### What to work on:
Give the number of lines in the records below that contain the word "ROOM". State only that number.
──────── Data extract ────────
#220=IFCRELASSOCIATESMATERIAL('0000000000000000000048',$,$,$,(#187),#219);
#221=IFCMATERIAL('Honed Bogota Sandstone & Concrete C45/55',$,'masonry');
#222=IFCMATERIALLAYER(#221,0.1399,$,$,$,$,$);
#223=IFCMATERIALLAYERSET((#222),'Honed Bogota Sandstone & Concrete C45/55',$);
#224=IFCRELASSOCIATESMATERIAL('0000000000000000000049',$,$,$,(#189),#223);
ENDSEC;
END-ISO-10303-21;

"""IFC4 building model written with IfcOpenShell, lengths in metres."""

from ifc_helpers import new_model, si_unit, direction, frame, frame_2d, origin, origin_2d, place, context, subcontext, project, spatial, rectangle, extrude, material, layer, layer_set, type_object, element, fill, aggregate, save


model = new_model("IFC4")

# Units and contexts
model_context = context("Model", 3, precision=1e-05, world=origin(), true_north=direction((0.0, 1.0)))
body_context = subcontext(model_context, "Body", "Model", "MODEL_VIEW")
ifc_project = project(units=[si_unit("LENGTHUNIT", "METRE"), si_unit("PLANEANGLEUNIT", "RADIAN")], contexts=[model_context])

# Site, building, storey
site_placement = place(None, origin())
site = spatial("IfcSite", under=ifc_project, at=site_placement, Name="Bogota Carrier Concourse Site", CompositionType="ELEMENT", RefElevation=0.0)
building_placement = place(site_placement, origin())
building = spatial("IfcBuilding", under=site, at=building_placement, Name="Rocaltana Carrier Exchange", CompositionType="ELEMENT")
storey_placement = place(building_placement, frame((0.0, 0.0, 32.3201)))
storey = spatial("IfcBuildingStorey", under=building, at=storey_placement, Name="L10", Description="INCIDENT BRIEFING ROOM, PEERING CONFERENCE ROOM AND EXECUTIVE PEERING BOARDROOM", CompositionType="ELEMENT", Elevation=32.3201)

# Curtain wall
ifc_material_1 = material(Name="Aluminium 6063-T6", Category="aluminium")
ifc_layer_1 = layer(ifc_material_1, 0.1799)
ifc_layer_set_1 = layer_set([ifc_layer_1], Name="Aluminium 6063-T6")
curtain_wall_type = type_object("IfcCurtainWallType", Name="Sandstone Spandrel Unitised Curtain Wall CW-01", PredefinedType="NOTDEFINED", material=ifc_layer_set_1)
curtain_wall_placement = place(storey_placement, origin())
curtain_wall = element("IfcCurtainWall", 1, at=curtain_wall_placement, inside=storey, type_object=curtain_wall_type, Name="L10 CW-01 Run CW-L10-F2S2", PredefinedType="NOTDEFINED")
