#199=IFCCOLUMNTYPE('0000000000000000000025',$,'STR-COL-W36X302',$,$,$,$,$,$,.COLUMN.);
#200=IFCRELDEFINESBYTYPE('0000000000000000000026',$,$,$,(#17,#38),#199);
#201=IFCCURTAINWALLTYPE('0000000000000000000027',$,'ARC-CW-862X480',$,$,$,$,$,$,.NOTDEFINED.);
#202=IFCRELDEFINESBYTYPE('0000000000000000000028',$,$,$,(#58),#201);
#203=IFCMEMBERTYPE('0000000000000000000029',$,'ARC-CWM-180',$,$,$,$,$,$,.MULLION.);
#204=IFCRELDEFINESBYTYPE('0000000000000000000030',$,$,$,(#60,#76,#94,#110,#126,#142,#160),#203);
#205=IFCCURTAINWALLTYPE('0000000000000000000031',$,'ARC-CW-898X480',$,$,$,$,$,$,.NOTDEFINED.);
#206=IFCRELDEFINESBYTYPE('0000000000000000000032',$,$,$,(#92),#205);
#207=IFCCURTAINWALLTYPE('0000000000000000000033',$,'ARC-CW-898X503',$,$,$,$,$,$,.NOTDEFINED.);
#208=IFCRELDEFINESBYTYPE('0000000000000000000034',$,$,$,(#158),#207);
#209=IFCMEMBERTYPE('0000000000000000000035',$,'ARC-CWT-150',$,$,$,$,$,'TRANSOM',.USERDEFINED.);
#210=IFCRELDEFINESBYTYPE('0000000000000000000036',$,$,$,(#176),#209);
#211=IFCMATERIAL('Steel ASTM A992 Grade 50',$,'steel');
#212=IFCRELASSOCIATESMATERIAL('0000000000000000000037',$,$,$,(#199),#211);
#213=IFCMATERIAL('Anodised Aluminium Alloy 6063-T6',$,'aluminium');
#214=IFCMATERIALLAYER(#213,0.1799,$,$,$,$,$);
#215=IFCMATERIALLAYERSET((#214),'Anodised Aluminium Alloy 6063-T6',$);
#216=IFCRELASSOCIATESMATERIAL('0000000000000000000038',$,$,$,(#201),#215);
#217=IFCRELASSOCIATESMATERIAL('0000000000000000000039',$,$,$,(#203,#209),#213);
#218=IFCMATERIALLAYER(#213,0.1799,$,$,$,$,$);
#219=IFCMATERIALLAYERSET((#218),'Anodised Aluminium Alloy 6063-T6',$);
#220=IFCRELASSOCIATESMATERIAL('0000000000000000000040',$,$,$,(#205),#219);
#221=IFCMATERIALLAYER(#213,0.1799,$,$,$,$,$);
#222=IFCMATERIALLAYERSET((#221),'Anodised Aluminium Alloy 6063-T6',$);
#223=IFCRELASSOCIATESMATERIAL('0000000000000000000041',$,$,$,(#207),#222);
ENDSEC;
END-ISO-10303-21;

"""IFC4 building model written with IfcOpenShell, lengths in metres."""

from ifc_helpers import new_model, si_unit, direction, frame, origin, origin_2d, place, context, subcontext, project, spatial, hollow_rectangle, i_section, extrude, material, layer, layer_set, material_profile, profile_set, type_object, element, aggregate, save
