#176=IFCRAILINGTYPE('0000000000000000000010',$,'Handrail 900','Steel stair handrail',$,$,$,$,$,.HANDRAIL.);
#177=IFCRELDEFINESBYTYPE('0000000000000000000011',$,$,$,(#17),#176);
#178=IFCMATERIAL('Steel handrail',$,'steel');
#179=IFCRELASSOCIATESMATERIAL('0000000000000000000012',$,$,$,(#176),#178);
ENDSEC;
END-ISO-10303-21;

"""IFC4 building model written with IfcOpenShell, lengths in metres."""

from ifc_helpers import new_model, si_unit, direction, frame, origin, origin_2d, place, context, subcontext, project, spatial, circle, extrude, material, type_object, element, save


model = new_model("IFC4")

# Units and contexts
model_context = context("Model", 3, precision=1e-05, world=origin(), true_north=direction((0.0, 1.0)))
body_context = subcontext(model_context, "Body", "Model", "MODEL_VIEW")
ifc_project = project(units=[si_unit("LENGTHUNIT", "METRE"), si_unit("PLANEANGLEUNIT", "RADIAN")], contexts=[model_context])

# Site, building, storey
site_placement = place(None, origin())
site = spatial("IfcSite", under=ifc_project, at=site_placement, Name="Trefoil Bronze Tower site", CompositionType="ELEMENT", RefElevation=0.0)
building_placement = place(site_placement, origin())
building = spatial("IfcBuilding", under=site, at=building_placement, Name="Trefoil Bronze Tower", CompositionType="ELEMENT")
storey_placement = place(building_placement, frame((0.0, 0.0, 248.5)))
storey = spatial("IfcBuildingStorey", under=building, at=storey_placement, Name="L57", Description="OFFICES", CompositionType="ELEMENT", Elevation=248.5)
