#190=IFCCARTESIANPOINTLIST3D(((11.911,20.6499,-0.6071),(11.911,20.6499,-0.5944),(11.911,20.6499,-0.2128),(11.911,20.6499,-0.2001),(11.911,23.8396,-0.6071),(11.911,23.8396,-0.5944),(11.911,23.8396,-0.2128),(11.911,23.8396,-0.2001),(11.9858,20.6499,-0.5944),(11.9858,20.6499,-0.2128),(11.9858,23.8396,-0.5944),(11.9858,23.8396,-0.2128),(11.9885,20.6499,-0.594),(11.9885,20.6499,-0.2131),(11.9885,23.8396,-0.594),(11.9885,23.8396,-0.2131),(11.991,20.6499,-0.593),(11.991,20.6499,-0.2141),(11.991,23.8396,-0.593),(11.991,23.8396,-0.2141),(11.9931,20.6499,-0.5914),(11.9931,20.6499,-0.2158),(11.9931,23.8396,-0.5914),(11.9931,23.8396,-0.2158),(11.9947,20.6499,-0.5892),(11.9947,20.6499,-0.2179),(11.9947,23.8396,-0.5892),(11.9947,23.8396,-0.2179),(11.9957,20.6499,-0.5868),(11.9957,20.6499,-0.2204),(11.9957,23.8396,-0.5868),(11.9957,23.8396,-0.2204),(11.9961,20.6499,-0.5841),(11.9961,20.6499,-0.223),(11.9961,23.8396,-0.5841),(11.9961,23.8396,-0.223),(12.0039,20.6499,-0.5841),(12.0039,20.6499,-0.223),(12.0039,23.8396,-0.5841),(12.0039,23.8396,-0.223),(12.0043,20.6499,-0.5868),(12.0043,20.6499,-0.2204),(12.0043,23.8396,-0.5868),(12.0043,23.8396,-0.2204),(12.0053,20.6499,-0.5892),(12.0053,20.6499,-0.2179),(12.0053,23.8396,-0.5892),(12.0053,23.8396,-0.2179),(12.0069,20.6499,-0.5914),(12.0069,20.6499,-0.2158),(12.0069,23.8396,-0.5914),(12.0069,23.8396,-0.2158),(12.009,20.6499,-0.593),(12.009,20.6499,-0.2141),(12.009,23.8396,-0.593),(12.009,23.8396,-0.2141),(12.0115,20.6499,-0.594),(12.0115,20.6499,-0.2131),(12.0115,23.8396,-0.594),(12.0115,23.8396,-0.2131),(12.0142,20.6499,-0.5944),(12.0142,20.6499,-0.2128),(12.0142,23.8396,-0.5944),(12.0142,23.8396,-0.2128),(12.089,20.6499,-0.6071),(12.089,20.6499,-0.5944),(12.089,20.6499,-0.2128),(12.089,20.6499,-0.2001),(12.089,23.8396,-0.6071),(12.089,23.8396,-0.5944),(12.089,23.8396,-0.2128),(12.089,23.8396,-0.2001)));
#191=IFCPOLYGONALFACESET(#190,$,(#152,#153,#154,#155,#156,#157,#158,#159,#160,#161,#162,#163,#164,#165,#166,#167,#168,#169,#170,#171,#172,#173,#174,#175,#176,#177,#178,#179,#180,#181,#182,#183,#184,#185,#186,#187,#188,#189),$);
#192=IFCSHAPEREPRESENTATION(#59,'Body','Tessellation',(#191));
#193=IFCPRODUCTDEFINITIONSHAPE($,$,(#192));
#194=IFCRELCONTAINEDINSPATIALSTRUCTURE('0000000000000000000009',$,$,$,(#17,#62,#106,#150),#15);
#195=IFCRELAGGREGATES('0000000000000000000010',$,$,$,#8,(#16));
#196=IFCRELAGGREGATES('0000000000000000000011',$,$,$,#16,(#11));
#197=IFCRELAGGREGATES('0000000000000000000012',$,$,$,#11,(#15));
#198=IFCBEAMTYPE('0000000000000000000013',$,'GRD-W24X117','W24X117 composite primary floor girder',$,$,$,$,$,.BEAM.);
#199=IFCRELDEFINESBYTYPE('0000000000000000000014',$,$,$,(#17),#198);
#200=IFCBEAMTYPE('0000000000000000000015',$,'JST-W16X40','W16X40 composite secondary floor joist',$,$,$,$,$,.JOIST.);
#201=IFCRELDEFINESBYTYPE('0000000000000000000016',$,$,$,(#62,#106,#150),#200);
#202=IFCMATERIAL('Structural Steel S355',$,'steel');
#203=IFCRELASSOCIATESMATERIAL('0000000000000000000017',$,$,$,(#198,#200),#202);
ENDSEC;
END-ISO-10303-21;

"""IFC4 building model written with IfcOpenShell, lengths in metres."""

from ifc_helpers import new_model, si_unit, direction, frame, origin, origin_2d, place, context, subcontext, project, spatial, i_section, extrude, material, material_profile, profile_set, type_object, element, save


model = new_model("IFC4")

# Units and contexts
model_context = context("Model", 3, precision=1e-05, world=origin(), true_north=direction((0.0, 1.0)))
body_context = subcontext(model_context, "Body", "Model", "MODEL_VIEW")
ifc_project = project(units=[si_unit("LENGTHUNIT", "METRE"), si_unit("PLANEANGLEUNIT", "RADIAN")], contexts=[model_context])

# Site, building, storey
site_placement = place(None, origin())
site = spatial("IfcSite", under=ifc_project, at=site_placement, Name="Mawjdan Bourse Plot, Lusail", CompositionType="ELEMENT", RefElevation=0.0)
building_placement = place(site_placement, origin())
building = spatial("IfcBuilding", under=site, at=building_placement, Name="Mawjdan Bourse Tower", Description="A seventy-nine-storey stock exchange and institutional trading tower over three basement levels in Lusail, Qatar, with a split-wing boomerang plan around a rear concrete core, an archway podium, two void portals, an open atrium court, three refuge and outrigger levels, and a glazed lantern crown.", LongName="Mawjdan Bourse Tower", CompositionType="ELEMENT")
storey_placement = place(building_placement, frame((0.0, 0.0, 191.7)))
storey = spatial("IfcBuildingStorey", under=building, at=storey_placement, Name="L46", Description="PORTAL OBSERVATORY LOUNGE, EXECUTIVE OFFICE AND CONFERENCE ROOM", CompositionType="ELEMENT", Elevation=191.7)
────────
### Task solution:
2